▶ [YOUR GOAL]:
Begin at the top of the records and copy each line exactly. The line containing "#13=IFCAXIS2PLACEMENT3D(#12,$,$);" is the last one to include.

▶ [GIVEN INFORMATION]:
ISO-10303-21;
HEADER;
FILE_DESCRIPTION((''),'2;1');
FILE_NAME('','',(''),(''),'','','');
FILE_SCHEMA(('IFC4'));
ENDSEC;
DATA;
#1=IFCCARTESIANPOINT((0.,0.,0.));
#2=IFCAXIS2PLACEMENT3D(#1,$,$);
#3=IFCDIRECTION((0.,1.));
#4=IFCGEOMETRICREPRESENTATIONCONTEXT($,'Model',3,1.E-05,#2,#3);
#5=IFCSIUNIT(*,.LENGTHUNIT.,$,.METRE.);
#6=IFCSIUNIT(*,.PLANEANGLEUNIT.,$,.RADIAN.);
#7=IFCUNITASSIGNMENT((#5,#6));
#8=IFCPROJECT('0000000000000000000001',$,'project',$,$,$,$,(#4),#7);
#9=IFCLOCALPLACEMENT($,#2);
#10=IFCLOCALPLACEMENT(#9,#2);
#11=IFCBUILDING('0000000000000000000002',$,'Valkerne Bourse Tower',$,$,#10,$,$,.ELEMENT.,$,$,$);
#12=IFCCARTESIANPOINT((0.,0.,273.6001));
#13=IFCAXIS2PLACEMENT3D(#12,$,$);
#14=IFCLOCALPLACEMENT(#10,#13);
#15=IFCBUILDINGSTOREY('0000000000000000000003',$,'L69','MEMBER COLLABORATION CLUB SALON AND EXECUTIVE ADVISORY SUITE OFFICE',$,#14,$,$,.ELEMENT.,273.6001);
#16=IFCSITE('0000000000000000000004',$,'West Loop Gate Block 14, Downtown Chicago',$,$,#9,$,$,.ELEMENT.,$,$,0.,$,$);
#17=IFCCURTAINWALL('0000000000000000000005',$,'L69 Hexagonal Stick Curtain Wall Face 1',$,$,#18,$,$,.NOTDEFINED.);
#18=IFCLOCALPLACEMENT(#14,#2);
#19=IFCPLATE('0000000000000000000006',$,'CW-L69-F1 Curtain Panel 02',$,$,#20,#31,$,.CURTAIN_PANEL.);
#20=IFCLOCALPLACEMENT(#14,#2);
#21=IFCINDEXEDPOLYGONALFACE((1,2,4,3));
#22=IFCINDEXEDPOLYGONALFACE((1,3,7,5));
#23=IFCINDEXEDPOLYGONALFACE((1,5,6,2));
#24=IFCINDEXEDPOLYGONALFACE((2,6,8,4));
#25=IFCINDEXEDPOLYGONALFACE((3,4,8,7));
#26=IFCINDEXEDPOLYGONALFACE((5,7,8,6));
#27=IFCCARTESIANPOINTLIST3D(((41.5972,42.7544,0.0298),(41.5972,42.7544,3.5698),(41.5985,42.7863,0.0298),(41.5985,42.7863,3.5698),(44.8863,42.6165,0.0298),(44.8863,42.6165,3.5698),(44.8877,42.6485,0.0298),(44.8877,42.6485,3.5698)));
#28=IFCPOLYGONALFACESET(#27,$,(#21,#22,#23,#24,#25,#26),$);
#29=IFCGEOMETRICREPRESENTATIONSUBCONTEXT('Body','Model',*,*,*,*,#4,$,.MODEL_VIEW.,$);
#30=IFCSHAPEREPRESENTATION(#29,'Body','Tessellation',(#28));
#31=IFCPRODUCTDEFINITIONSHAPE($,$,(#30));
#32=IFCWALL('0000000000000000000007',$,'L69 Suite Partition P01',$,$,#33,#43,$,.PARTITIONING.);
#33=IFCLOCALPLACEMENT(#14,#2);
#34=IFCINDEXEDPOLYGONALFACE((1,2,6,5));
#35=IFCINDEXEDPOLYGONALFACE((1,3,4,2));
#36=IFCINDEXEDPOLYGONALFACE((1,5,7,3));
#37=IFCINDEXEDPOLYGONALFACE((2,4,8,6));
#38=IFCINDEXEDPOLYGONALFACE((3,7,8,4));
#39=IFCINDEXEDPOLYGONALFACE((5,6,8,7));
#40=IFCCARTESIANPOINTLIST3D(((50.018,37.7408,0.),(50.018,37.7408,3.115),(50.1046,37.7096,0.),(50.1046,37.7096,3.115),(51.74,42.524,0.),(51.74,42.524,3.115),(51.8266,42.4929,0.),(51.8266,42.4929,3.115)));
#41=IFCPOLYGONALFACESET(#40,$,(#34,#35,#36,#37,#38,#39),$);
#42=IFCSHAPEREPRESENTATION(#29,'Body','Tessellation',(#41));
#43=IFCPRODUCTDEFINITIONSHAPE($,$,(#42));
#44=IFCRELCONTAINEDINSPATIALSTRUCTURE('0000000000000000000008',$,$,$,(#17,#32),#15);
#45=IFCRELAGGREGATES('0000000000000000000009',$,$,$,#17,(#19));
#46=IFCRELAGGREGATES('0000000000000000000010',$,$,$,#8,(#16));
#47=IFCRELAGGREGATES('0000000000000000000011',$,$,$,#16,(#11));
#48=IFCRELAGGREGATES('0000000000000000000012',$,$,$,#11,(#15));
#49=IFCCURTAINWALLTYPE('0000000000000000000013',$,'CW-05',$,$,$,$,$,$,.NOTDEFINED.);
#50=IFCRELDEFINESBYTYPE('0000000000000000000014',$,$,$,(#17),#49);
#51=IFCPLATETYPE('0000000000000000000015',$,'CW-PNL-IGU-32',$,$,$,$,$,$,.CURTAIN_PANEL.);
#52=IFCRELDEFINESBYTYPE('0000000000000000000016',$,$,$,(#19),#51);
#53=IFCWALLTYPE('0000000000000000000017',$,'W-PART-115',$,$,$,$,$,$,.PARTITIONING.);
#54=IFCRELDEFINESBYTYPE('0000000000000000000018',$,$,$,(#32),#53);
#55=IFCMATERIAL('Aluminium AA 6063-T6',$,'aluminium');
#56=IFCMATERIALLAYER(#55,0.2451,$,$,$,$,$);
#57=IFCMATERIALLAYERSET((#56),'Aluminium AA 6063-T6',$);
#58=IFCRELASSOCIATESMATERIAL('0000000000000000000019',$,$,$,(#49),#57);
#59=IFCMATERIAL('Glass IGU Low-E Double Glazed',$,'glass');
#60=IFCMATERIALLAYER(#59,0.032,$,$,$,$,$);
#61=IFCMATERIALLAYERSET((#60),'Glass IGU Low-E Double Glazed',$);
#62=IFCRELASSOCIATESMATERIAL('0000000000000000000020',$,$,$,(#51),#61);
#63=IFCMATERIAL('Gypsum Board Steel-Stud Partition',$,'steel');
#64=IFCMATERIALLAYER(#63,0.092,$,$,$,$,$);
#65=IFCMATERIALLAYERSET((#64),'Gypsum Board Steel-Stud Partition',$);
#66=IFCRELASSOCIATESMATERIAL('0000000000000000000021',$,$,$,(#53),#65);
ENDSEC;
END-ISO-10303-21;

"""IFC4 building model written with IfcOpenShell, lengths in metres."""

from ifc_helpers import new_model, si_unit, direction, frame, frame_2d, origin, origin_2d, place, context, subcontext, project, spatial, rectangle, extrude, material, layer, layer_set, type_object, element, aggregate, save


model = new_model("IFC4")

# Units and contexts
model_context = context("Model", 3, precision=1e-05, world=origin(), true_north=direction((0.0, 1.0)))
body_context = subcontext(model_context, "Body", "Model", "MODEL_VIEW")
ifc_project = project(units=[si_unit("LENGTHUNIT", "METRE"), si_unit("PLANEANGLEUNIT", "RADIAN")], contexts=[model_context])

# Site, building, storey
site_placement = place(None, origin())
site = spatial("IfcSite", under=ifc_project, at=site_placement, Name="West Loop Gate Block 14, Downtown Chicago", CompositionType="ELEMENT", RefElevation=0.0)
building_placement = place(site_placement, origin())
building = spatial("IfcBuilding", under=site, at=building_placement, Name="Valkerne Bourse Tower", CompositionType="ELEMENT")
storey_placement = place(building_placement, frame((0.0, 0.0, 273.6001)))
storey = spatial("IfcBuildingStorey", under=building, at=storey_placement, Name="L69", Description="MEMBER COLLABORATION CLUB SALON AND EXECUTIVE ADVISORY SUITE OFFICE", CompositionType="ELEMENT", Elevation=273.6001)

# Curtain wall
ifc_material_1 = material(Name="Aluminium AA 6063-T6", Category="aluminium")
ifc_layer_1 = layer(ifc_material_1, 0.2451)
ifc_layer_set_1 = layer_set([ifc_layer_1], Name="Aluminium AA 6063-T6")
curtain_wall_type = type_object("IfcCurtainWallType", Name="CW-05", PredefinedType="NOTDEFINED", material=ifc_layer_set_1)
curtain_wall_placement = place(storey_placement, origin())
curtain_wall = element("IfcCurtainWall", 1, at=curtain_wall_placement, inside=storey, type_object=curtain_wall_type, Name="L69 Hexagonal Stick Curtain Wall Face 1", PredefinedType="NOTDEFINED")

# Plate
ifc_material_2 = material(Name="Glass IGU Low-E Double Glazed", Category="glass")
ifc_layer_2 = layer(ifc_material_2, 0.032)
ifc_layer_set_2 = layer_set([ifc_layer_2], Name="Glass IGU Low-E Double Glazed")
plate_type = type_object("IfcPlateType", Name="CW-PNL-IGU-32", PredefinedType="CURTAIN_PANEL", material=ifc_layer_set_2)
plate_1_placement = place(storey_placement, frame((43.2424, 42.7014, 0.0298), z_axis=(0.0, 0.0, 1.0), x_axis=(-0.999123, 0.04188, 0.0)))
plate_1 = element("IfcPlate", 2, at=plate_1_placement, type_object=plate_type, Name="CW-L69-F1 Curtain Panel 02", PredefinedType="CURTAIN_PANEL", context=body_context, shape_type="SweptSolid", body=[
    extrude(rectangle(XDim=3.292, YDim=0.032, at=origin_2d()), origin(), (0.0, 0.0, 1.0), 3.54),
])
aggregate(curtain_wall, [plate_1])

# Wall
ifc_material_3 = material(Name="Gypsum Board Steel-Stud Partition", Category="steel")
ifc_layer_3 = layer(ifc_material_3, 0.092)
ifc_layer_set_3 = layer_set([ifc_layer_3], Name="Gypsum Board Steel-Stud Partition")
wall_type = type_object("IfcWallType", Name="W-PART-115", PredefinedType="PARTITIONING", material=ifc_layer_set_3)
wall_placement = place(storey_placement, frame((50.0613, 37.7251, 0.0), z_axis=(0.0, 0.0, 1.0), x_axis=(0.338714, 0.940889, 0.0)))
element("IfcWall", 3, at=wall_placement, inside=storey, type_object=wall_type, Name="L69 Suite Partition P01", PredefinedType="PARTITIONING", context=body_context, shape_type="SweptSolid", body=[
    extrude(rectangle(XDim=5.0837, YDim=0.092, at=frame_2d((2.542, 0.0))), origin(), (0.0, 0.0, 1.0), 3.115),
])

save(model, "model.ifc")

▶ [SOLUTION]:
ISO-10303-21;
HEADER;
FILE_DESCRIPTION((''),'2;1');
FILE_NAME('','',(''),(''),'','','');
FILE_SCHEMA(('IFC4'));
ENDSEC;
DATA;
#1=IFCCARTESIANPOINT((0.,0.,0.));
#2=IFCAXIS2PLACEMENT3D(#1,$,$);
#3=IFCDIRECTION((0.,1.));
#4=IFCGEOMETRICREPRESENTATIONCONTEXT($,'Model',3,1.E-05,#2,#3);
#5=IFCSIUNIT(*,.LENGTHUNIT.,$,.METRE.);
#6=IFCSIUNIT(*,.PLANEANGLEUNIT.,$,.RADIAN.);
#7=IFCUNITASSIGNMENT((#5,#6));
#8=IFCPROJECT('0000000000000000000001',$,'project',$,$,$,$,(#4),#7);
#9=IFCLOCALPLACEMENT($,#2);
#10=IFCLOCALPLACEMENT(#9,#2);
#11=IFCBUILDING('0000000000000000000002',$,'Valkerne Bourse Tower',$,$,#10,$,$,.ELEMENT.,$,$,$);
#12=IFCCARTESIANPOINT((0.,0.,273.6001));
#13=IFCAXIS2PLACEMENT3D(#12,$,$);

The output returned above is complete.